▶ [PROBLEM STATEMENT]:
Which of the lines in the records below hold the string "IFCCOVERINGTYPE"? Copy every one of them.

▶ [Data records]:
_ _ _ _ _ _ _
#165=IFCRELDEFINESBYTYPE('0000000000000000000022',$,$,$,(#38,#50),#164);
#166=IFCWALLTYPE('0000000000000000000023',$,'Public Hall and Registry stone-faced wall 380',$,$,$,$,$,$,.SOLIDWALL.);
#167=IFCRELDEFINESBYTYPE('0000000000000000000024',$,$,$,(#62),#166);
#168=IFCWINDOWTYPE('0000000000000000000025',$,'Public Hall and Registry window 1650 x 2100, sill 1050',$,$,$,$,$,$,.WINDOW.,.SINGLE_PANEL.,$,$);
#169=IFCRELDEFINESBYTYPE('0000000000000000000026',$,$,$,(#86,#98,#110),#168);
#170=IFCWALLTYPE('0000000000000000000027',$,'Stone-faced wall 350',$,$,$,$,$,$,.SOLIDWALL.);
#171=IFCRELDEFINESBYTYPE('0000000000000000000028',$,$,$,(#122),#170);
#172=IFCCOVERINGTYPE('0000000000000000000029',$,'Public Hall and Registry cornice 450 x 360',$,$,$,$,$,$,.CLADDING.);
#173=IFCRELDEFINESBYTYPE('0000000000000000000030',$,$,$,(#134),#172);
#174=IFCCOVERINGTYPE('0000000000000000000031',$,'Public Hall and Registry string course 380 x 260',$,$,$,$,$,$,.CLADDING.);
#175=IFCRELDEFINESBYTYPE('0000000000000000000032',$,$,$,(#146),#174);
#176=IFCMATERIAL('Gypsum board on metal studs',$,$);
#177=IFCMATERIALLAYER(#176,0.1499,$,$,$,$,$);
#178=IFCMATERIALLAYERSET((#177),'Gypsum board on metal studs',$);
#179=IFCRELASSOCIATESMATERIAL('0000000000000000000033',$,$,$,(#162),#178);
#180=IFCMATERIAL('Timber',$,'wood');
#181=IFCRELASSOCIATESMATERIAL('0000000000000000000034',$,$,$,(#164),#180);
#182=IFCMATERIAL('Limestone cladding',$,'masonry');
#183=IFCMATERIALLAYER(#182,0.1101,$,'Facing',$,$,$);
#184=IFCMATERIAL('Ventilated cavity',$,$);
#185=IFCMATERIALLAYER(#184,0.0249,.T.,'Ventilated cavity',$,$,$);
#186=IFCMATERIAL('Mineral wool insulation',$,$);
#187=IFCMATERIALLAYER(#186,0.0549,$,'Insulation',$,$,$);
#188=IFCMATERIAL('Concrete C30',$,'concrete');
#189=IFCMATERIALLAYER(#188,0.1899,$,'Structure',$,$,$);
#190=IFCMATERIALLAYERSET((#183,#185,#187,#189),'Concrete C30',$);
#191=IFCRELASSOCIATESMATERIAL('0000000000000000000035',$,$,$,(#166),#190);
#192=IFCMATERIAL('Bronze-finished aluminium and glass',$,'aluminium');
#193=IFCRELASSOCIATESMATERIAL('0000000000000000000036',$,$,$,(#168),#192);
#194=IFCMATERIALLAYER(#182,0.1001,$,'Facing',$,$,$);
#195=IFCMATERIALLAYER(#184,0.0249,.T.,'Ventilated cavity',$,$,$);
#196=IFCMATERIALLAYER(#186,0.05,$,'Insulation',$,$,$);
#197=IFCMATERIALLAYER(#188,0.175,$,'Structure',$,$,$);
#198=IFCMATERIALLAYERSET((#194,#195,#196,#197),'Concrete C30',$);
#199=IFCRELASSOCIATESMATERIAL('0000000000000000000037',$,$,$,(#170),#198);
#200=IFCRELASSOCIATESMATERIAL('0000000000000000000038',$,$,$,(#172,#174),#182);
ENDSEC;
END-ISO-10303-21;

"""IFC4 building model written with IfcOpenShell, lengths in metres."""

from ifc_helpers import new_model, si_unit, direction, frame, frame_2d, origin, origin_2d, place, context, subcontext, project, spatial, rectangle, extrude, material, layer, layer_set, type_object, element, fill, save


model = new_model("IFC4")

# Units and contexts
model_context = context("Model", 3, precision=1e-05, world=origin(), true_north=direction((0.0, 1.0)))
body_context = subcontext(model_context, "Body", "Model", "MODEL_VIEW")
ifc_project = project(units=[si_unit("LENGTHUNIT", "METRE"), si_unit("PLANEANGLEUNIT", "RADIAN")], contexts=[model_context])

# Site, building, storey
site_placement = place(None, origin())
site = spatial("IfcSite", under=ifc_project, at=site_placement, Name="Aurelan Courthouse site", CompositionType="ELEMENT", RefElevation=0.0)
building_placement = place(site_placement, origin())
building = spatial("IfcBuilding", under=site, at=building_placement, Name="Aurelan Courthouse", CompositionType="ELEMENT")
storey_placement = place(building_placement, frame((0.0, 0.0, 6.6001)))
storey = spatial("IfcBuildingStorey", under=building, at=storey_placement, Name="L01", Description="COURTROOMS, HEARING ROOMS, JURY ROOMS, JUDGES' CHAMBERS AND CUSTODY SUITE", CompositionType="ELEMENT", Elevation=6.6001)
_ _ _ _ _ _ _
▶ [RESPONSE]:
#172=IFCCOVERINGTYPE('0000000000000000000029',$,'Public Hall and Registry cornice 450 x 360',$,$,$,$,$,$,.CLADDING.);
#174=IFCCOVERINGTYPE('0000000000000000000031',$,'Public Hall and Registry string course 380 x 260',$,$,$,$,$,$,.CLADDING.);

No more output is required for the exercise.